[SOURCE RECORDS Boundary: Start]
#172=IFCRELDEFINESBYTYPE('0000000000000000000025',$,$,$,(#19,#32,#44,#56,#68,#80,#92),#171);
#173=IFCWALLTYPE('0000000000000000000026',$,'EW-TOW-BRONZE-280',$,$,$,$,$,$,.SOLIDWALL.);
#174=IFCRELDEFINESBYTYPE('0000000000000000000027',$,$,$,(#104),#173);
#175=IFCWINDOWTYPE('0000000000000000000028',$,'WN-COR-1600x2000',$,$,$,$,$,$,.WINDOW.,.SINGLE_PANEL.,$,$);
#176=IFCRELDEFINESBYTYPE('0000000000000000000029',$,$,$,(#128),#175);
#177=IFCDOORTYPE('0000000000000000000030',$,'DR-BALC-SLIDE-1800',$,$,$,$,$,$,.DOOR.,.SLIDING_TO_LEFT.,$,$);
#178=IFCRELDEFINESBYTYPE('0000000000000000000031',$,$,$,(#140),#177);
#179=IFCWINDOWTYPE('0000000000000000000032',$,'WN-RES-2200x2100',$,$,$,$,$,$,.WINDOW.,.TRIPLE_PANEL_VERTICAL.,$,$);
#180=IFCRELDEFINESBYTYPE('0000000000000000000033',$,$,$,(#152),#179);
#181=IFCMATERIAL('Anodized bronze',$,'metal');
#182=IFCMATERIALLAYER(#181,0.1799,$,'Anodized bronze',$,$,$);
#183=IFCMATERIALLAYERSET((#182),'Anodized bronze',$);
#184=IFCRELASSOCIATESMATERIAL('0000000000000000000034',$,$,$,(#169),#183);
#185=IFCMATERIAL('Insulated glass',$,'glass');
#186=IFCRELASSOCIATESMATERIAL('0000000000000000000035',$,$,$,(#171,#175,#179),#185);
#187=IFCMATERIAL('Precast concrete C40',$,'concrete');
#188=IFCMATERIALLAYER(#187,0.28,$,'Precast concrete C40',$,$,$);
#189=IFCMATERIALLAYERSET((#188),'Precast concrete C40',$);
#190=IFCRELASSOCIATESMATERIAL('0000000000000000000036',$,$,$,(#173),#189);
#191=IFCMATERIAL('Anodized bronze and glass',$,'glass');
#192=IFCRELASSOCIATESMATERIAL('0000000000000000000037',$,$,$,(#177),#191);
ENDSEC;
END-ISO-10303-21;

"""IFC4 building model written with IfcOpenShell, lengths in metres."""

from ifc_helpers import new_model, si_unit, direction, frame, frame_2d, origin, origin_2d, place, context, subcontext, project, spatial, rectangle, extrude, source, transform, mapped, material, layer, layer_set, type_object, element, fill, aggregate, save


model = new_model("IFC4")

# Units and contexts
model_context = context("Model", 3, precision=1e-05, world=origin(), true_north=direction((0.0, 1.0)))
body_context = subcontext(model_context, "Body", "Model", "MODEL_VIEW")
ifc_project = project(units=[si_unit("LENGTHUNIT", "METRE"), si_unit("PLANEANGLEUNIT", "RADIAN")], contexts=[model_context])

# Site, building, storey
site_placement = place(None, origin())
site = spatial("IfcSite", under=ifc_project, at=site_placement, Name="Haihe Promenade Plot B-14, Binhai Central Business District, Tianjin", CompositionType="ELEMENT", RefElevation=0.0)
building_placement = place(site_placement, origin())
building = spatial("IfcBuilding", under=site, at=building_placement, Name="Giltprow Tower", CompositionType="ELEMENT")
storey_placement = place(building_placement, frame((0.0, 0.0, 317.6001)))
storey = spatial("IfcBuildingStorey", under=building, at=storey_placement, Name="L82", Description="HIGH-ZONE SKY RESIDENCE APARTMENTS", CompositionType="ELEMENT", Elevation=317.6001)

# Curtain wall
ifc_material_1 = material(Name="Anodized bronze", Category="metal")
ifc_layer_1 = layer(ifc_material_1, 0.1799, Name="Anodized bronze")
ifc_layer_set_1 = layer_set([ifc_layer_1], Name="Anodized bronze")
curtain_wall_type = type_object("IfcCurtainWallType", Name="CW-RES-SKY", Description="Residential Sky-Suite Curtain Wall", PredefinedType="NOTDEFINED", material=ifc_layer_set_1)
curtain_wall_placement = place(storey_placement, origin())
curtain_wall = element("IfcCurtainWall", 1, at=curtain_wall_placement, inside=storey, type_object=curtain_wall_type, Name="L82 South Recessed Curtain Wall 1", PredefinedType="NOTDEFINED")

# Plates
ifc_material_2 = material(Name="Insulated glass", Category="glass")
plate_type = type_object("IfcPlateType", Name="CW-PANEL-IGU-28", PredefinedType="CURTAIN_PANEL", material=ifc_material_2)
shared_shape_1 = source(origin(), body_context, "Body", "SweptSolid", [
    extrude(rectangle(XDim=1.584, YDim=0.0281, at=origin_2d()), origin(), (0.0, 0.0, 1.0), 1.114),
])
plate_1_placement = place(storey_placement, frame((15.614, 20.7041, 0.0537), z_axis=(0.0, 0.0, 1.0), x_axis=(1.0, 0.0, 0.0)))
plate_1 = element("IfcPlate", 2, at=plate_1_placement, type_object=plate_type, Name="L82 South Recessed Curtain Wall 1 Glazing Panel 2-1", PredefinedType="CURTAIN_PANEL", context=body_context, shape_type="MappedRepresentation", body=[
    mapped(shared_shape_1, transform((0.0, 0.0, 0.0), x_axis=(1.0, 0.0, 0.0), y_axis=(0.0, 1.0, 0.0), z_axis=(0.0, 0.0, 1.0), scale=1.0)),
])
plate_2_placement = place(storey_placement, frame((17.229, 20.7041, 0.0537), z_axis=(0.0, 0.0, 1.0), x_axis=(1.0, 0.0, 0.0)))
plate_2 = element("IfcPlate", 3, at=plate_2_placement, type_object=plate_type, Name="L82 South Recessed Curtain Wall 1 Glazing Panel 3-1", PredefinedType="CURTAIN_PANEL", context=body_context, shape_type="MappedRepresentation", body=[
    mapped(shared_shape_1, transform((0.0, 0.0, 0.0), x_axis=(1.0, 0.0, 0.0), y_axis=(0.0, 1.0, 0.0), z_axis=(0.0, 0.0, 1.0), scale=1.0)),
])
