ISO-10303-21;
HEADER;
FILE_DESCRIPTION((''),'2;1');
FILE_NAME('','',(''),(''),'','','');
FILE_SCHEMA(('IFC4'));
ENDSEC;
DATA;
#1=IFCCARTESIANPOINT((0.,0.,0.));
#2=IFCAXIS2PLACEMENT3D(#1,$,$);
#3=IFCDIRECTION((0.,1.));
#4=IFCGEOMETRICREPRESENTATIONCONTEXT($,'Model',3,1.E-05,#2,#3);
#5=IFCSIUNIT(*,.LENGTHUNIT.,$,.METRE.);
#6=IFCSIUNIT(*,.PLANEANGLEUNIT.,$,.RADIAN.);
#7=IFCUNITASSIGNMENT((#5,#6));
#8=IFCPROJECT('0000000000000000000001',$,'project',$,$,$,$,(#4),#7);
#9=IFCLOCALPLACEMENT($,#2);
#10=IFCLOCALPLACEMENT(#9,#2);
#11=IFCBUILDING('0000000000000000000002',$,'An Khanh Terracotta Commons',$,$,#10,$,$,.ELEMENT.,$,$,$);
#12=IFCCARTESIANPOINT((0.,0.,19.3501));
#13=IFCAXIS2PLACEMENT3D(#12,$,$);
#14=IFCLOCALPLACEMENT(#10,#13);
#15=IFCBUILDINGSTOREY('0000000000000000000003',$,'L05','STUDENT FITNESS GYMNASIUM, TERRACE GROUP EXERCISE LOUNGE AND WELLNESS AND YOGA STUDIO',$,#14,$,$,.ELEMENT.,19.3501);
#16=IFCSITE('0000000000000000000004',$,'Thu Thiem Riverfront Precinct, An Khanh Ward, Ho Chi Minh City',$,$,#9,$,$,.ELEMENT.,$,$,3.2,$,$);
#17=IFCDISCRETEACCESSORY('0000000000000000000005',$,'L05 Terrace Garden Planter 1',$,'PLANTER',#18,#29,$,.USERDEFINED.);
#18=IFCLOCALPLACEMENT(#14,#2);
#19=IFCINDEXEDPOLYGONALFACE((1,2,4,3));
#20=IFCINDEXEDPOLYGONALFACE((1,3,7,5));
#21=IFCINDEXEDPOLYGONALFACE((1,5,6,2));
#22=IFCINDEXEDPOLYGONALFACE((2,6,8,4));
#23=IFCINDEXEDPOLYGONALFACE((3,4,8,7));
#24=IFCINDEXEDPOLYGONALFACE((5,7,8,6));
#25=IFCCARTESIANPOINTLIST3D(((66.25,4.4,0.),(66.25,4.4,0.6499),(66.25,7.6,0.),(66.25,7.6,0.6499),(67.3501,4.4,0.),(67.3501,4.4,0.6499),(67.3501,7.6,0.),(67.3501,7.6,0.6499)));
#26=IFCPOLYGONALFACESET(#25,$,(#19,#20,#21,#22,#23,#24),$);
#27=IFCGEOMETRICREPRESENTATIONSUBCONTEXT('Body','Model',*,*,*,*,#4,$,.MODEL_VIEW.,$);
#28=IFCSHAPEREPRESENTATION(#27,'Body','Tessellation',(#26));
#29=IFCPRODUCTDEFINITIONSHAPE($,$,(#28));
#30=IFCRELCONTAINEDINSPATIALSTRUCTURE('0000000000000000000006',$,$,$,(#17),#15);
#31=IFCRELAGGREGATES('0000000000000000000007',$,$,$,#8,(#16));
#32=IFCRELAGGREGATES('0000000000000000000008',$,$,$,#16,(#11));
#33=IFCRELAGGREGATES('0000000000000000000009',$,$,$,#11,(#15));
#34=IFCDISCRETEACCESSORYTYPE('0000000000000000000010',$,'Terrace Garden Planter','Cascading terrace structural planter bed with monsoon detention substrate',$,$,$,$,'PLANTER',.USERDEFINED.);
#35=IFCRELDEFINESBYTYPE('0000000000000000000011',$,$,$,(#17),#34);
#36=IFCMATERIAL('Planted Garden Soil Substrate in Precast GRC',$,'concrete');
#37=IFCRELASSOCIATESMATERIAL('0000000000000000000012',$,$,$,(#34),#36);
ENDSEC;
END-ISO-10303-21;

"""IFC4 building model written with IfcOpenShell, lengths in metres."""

from ifc_helpers import new_model, si_unit, direction, frame, origin, origin_2d, place, context, subcontext, project, spatial, rectangle, extrude, material, type_object, element, save


model = new_model("IFC4")

# Units and contexts
model_context = context("Model", 3, precision=1e-05, world=origin(), true_north=direction((0.0, 1.0)))
body_context = subcontext(model_context, "Body", "Model", "MODEL_VIEW")
ifc_project = project(units=[si_unit("LENGTHUNIT", "METRE"), si_unit("PLANEANGLEUNIT", "RADIAN")], contexts=[model_context])

# Site, building, storey
site_placement = place(None, origin())
site = spatial("IfcSite", under=ifc_project, at=site_placement, Name="Thu Thiem Riverfront Precinct, An Khanh Ward, Ho Chi Minh City", CompositionType="ELEMENT", RefElevation=3.2)
building_placement = place(site_placement, origin())
building = spatial("IfcBuilding", under=site, at=building_placement, Name="An Khanh Terracotta Commons", CompositionType="ELEMENT")
storey_placement = place(building_placement, frame((0.0, 0.0, 19.3501)))
storey = spatial("IfcBuildingStorey", under=building, at=storey_placement, Name="L05", Description="STUDENT FITNESS GYMNASIUM, TERRACE GROUP EXERCISE LOUNGE AND WELLNESS AND YOGA STUDIO", CompositionType="ELEMENT", Elevation=19.3501)

# Discrete accessory
ifc_material_1 = material(Name="Planted Garden Soil Substrate in Precast GRC", Category="concrete")
discrete_accessory_type_1 = type_object("IfcDiscreteAccessoryType", Name="Terrace Garden Planter", Description="Cascading terrace structural planter bed with monsoon detention substrate", ElementType="PLANTER", PredefinedType="USERDEFINED", material=ifc_material_1)
discrete_accessory_1_placement = place(storey_placement, frame((66.8, 6.0, 0.0), z_axis=(0.0, 0.0, 1.0), x_axis=(1.0, 0.0, 0.0)))
element("IfcDiscreteAccessory", 1, at=discrete_accessory_1_placement, inside=storey, type_object=discrete_accessory_type_1, Name="L05 Terrace Garden Planter 1", ObjectType="PLANTER", PredefinedType="USERDEFINED", context=body_context, shape_type="SweptSolid", body=[
    extrude(rectangle(XDim=1.1001, YDim=3.2, at=origin_2d()), origin(), (0.0, 0.0, 1.0), 0.6499),
])

save(model, "model.ifc")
[SOURCE RECORDS Boundary: End]
ABOUT THIS EXERCISE
Of the lines above, extract only those from the line with "Plot B-14, Binhai" to the line with "curtain_wall_placement = place(storey_placement, origin())", both included, exactly as written.

RESULT
site = spatial("IfcSite", under=ifc_project, at=site_placement, Name="Haihe Promenade Plot B-14, Binhai Central Business District, Tianjin", CompositionType="ELEMENT", RefElevation=0.0)
building_placement = place(site_placement, origin())
building = spatial("IfcBuilding", under=site, at=building_placement, Name="Giltprow Tower", CompositionType="ELEMENT")
storey_placement = place(building_placement, frame((0.0, 0.0, 317.6001)))
storey = spatial("IfcBuildingStorey", under=building, at=storey_placement, Name="L82", Description="HIGH-ZONE SKY RESIDENCE APARTMENTS", CompositionType="ELEMENT", Elevation=317.6001)

# Curtain wall
ifc_material_1 = material(Name="Anodized bronze", Category="metal")
ifc_layer_1 = layer(ifc_material_1, 0.1799, Name="Anodized bronze")
ifc_layer_set_1 = layer_set([ifc_layer_1], Name="Anodized bronze")
curtain_wall_type = type_object("IfcCurtainWallType", Name="CW-RES-SKY", Description="Residential Sky-Suite Curtain Wall", PredefinedType="NOTDEFINED", material=ifc_layer_set_1)
curtain_wall_placement = place(storey_placement, origin())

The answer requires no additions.